• TASK BRIEF: Which of the lines below include "contexts"? Each one should be copied out.

Stored items:
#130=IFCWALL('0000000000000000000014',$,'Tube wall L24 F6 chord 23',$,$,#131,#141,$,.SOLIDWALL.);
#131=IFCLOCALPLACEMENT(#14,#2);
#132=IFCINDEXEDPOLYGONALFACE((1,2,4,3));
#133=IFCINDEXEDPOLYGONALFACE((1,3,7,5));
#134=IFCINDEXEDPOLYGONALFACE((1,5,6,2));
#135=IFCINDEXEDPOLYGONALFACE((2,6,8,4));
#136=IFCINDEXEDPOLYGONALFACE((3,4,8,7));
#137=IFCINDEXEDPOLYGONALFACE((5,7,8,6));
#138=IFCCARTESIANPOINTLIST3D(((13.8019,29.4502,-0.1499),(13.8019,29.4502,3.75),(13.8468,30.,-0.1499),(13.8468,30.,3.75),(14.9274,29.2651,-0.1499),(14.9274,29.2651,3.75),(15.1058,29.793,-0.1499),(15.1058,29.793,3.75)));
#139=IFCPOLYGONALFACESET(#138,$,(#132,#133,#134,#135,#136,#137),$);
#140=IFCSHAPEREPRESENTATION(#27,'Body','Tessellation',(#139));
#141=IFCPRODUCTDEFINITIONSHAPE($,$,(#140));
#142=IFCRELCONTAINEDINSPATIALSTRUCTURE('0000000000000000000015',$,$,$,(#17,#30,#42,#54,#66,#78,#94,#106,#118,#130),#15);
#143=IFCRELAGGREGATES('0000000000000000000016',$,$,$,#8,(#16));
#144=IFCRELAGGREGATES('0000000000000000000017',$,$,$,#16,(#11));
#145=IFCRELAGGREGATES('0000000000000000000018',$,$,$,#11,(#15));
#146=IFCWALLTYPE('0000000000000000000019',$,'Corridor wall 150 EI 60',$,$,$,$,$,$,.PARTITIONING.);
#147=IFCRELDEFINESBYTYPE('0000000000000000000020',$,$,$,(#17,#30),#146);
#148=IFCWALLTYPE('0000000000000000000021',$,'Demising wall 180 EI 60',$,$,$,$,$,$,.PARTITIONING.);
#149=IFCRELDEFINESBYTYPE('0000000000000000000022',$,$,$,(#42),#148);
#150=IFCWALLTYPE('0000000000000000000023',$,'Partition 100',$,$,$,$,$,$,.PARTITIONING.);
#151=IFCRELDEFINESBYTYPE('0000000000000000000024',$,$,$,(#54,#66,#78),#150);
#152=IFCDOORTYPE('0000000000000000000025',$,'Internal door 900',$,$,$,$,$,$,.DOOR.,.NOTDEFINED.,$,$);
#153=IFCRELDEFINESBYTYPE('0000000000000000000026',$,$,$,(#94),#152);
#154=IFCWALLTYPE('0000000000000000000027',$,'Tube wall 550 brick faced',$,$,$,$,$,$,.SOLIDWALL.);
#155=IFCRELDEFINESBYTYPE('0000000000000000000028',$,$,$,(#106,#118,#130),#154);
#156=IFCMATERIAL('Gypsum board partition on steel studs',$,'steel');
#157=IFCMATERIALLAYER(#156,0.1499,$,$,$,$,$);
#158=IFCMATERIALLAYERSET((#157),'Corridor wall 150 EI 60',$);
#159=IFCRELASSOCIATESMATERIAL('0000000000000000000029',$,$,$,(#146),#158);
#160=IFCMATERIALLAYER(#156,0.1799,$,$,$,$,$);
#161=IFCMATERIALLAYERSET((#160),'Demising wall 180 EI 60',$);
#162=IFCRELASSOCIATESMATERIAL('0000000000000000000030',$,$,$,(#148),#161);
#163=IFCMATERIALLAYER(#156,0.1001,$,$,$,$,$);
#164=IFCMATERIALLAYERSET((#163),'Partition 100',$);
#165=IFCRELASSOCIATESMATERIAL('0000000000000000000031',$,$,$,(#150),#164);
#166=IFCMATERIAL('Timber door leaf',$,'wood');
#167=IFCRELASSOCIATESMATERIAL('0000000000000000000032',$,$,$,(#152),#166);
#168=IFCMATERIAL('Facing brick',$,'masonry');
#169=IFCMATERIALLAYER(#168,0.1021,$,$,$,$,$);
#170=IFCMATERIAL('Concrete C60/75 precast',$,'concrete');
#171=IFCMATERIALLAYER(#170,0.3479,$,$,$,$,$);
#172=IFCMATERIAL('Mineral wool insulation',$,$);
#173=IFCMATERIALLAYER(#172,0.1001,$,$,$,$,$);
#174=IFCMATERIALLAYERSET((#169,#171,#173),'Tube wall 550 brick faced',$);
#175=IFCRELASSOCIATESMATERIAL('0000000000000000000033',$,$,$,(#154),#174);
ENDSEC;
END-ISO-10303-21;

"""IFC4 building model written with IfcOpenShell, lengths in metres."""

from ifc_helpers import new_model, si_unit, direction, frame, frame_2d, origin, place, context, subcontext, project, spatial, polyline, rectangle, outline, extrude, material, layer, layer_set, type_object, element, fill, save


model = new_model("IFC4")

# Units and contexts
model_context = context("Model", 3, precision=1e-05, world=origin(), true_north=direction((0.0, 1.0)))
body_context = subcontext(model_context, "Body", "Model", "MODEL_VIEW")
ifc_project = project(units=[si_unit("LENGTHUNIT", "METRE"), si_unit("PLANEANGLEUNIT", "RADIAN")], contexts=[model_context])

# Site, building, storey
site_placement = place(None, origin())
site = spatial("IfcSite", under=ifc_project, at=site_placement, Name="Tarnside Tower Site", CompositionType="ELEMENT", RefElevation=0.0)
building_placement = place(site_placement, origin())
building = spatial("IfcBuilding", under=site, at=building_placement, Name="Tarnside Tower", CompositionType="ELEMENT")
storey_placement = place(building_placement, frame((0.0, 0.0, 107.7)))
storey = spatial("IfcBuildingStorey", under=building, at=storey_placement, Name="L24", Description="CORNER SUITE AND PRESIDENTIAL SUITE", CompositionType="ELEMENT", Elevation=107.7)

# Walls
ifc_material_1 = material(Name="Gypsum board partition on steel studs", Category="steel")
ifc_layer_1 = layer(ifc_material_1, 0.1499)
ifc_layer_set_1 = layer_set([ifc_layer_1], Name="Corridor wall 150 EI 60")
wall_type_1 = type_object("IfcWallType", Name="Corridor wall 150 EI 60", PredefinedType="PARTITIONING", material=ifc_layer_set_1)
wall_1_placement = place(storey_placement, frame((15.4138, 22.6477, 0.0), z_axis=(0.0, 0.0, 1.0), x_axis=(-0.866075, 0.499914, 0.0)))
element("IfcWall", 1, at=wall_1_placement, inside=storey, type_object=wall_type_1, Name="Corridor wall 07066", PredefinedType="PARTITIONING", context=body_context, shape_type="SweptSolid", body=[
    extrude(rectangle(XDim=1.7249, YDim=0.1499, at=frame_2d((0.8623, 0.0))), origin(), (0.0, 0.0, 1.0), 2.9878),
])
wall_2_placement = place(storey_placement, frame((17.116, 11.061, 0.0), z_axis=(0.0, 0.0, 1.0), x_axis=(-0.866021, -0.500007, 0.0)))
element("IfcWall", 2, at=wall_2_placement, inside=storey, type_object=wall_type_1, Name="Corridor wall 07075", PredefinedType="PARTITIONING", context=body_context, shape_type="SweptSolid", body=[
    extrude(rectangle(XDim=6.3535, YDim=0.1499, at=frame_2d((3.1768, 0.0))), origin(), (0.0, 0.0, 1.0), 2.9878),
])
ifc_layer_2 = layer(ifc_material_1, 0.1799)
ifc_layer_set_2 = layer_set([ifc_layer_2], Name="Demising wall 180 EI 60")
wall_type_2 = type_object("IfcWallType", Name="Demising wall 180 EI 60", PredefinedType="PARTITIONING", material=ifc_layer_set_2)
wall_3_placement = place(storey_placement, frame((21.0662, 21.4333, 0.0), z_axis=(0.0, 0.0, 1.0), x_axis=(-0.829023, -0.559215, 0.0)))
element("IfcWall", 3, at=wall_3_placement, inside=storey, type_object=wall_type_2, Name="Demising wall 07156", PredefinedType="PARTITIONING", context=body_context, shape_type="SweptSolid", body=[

• SOLUTION:
# Units and contexts
ifc_project = project(units=[si_unit("LENGTHUNIT", "METRE"), si_unit("PLANEANGLEUNIT", "RADIAN")], contexts=[model_context])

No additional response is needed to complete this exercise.